• **About this exercise**:
Extract, from the records beneath this instruction, each line that contains the word "bronze".

*** Opening of Exercise data ***

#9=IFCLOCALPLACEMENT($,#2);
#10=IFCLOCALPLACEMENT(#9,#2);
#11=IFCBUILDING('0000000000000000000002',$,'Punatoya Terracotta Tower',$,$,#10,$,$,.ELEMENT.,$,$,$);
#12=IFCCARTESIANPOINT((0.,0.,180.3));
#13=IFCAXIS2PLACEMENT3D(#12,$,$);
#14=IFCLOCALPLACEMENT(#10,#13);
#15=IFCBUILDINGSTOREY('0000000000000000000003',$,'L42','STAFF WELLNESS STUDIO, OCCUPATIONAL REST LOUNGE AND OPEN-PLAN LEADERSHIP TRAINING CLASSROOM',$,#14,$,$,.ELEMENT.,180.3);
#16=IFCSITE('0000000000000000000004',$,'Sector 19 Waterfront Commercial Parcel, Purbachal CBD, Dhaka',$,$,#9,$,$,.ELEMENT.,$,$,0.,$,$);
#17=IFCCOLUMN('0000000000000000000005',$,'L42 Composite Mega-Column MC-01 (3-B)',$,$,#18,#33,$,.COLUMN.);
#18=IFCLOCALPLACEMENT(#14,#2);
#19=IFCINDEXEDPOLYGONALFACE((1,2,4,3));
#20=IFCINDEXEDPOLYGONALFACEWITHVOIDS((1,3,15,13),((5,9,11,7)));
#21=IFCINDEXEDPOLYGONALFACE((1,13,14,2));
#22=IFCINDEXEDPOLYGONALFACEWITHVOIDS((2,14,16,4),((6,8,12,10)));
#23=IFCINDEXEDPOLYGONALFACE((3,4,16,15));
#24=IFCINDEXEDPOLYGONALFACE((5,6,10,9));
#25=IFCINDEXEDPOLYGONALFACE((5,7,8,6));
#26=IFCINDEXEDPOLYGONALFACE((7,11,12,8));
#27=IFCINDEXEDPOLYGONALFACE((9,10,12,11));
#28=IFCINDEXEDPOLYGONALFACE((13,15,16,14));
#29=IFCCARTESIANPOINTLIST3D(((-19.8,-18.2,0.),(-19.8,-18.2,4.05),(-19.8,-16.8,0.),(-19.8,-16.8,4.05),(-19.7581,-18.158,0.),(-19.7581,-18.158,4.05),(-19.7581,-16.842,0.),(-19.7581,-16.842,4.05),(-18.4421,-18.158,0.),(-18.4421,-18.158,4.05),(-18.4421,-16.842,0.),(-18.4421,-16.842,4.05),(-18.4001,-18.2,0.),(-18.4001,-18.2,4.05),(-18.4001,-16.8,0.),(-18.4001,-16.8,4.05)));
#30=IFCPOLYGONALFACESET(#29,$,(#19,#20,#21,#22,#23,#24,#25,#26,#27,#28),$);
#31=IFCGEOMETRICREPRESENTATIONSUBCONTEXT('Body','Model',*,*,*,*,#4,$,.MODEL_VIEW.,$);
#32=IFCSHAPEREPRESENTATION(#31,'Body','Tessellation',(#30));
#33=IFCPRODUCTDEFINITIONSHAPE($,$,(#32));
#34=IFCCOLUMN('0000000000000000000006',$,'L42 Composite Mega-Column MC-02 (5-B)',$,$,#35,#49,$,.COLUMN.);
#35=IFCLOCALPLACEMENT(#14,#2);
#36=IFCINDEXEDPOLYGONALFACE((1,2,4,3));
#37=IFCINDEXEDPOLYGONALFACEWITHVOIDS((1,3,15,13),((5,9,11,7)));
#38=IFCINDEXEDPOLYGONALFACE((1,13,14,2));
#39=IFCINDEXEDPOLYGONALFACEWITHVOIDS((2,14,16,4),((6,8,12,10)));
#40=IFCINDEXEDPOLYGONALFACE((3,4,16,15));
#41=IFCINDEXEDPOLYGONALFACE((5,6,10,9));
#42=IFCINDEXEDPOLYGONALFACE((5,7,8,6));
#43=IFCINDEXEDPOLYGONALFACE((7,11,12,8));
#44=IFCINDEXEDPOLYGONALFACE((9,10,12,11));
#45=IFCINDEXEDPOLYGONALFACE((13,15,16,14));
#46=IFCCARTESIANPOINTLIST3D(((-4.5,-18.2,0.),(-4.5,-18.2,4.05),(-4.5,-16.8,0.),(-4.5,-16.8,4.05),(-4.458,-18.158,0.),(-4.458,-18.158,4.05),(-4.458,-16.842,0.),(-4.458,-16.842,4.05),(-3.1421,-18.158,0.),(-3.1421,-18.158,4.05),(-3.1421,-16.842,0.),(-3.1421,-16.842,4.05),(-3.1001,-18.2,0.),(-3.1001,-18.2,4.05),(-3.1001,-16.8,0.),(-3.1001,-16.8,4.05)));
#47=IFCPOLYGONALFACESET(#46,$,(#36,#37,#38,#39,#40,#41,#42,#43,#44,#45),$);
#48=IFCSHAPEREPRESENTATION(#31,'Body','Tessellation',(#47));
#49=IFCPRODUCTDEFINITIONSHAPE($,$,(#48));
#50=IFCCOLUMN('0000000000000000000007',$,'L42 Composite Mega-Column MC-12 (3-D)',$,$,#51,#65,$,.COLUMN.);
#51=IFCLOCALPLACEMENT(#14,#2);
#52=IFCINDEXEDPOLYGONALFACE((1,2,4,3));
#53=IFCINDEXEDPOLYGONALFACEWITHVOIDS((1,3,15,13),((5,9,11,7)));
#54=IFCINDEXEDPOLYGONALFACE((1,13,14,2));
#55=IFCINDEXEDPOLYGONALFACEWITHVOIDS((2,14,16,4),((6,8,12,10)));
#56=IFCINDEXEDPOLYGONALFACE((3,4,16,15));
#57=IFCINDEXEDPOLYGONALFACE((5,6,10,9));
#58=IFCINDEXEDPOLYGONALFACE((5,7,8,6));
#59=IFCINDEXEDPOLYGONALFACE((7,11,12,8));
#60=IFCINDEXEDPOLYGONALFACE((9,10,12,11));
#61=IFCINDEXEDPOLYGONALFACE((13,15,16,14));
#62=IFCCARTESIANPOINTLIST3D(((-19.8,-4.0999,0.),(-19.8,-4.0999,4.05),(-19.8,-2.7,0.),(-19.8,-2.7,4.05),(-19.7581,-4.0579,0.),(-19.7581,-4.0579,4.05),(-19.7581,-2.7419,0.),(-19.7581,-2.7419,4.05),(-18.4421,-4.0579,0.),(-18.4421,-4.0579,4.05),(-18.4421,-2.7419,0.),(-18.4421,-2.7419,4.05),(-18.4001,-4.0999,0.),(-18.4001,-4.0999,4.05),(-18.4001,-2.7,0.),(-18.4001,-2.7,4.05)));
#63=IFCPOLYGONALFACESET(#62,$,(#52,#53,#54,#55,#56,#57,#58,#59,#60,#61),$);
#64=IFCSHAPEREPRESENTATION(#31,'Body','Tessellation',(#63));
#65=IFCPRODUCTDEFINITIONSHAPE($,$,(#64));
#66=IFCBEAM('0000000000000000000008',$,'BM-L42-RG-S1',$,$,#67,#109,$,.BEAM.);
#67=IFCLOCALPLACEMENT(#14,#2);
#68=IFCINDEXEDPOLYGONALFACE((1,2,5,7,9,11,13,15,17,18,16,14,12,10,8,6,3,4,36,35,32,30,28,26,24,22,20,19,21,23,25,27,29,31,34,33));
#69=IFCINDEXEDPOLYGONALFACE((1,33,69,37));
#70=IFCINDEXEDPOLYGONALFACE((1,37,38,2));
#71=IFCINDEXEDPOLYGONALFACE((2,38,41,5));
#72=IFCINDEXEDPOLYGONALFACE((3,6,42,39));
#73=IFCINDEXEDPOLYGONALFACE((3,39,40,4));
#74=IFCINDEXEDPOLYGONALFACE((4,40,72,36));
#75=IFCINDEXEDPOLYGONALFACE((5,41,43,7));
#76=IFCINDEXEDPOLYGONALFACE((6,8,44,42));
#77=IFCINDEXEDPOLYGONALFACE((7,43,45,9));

*** Close of Exercise data ***
*** Opening of Exercise data ***

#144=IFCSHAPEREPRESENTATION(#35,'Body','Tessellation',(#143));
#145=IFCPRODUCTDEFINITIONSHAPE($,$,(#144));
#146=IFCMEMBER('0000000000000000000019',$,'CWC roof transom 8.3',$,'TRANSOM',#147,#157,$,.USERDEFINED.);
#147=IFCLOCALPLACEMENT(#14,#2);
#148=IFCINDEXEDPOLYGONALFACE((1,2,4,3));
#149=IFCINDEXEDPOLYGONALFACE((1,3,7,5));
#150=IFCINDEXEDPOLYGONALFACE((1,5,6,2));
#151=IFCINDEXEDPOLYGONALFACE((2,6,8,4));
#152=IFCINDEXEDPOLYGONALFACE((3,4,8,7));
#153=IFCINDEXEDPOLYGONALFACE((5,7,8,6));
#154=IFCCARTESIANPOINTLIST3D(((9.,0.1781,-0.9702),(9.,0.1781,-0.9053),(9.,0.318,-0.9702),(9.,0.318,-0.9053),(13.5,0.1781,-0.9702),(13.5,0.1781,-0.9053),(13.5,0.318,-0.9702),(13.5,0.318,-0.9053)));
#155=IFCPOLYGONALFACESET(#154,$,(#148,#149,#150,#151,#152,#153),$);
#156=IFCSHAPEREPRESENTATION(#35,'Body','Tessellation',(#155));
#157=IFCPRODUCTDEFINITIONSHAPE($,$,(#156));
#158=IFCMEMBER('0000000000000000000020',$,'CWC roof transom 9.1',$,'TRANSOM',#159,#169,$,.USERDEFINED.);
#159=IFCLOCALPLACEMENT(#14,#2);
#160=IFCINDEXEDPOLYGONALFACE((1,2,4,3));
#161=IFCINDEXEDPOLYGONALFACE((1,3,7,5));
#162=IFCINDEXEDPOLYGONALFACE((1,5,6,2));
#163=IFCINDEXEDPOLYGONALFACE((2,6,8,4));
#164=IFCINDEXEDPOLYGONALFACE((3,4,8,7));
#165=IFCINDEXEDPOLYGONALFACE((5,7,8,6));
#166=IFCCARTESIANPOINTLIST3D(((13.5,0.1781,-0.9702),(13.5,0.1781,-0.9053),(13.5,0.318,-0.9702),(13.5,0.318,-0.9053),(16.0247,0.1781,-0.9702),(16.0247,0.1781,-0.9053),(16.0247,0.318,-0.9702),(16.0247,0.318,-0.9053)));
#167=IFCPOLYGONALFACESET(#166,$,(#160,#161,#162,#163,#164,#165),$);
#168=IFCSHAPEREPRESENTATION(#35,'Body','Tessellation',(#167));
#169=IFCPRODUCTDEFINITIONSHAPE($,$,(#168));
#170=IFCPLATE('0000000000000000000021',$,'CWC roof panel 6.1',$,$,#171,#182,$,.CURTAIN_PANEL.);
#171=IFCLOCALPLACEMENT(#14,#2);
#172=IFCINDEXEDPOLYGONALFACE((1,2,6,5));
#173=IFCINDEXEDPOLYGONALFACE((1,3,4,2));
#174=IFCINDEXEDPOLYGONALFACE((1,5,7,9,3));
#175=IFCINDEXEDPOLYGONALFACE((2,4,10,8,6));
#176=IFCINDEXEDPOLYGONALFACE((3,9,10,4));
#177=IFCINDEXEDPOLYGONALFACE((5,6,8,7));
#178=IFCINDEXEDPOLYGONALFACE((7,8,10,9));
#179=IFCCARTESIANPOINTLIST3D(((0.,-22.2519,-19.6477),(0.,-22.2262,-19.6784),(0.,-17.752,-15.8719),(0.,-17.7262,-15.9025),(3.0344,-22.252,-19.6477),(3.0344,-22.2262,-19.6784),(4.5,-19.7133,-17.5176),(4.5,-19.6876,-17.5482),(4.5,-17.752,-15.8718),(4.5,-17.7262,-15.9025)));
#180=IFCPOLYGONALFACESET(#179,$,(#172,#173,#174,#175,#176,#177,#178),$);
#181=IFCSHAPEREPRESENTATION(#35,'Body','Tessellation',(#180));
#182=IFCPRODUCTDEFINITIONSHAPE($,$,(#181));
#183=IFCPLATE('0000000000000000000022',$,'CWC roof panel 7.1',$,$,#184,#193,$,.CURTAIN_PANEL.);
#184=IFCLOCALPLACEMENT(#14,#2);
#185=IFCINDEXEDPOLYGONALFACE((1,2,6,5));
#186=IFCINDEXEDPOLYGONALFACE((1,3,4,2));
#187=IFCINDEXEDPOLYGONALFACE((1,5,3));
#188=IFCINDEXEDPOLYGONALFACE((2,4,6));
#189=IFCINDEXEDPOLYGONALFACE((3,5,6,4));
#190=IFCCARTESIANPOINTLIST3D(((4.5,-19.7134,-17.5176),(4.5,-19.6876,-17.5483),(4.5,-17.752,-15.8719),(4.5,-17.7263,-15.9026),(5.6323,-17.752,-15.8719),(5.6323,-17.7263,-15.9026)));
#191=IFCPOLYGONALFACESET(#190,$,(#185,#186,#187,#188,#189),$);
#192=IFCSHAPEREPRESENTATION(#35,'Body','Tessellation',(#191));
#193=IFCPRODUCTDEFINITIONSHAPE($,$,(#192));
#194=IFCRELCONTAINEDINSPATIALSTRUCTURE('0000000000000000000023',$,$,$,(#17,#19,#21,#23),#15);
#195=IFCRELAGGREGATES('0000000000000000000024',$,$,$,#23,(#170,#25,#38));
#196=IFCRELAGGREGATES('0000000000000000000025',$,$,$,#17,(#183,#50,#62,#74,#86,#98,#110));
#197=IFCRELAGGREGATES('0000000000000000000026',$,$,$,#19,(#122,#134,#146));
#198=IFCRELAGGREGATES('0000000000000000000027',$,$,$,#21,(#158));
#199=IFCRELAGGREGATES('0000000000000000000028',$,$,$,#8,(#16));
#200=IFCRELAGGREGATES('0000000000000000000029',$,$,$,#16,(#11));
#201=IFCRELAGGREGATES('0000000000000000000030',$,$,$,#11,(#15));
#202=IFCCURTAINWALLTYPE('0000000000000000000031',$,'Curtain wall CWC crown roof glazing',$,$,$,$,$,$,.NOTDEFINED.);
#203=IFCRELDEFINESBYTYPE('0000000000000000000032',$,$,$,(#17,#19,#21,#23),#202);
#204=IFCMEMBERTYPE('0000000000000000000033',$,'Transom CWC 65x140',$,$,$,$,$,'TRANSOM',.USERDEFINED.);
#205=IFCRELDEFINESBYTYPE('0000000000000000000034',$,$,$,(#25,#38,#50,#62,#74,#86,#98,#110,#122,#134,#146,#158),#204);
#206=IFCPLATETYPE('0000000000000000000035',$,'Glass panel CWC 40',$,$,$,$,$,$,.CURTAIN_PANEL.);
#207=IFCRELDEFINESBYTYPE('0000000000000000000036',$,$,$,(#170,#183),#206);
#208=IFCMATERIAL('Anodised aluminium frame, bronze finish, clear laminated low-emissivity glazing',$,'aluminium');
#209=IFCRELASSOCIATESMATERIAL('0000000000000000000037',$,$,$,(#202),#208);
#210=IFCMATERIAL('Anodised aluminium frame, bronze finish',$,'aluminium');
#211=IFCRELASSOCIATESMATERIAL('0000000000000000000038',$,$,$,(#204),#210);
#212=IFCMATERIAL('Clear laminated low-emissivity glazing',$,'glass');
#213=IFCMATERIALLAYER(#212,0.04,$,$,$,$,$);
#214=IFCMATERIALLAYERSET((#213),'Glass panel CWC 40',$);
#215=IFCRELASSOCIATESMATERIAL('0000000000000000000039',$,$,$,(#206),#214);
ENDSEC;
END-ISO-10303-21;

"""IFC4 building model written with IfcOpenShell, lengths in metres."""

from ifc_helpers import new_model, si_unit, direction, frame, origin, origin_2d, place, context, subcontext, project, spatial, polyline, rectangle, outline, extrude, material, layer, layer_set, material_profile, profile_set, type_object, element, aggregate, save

*** Close of Exercise data ***

• **Response to the task**:
#208=IFCMATERIAL('Anodised aluminium frame, bronze finish, clear laminated low-emissivity glazing',$,'aluminium');
#210=IFCMATERIAL('Anodised aluminium frame, bronze finish',$,'aluminium');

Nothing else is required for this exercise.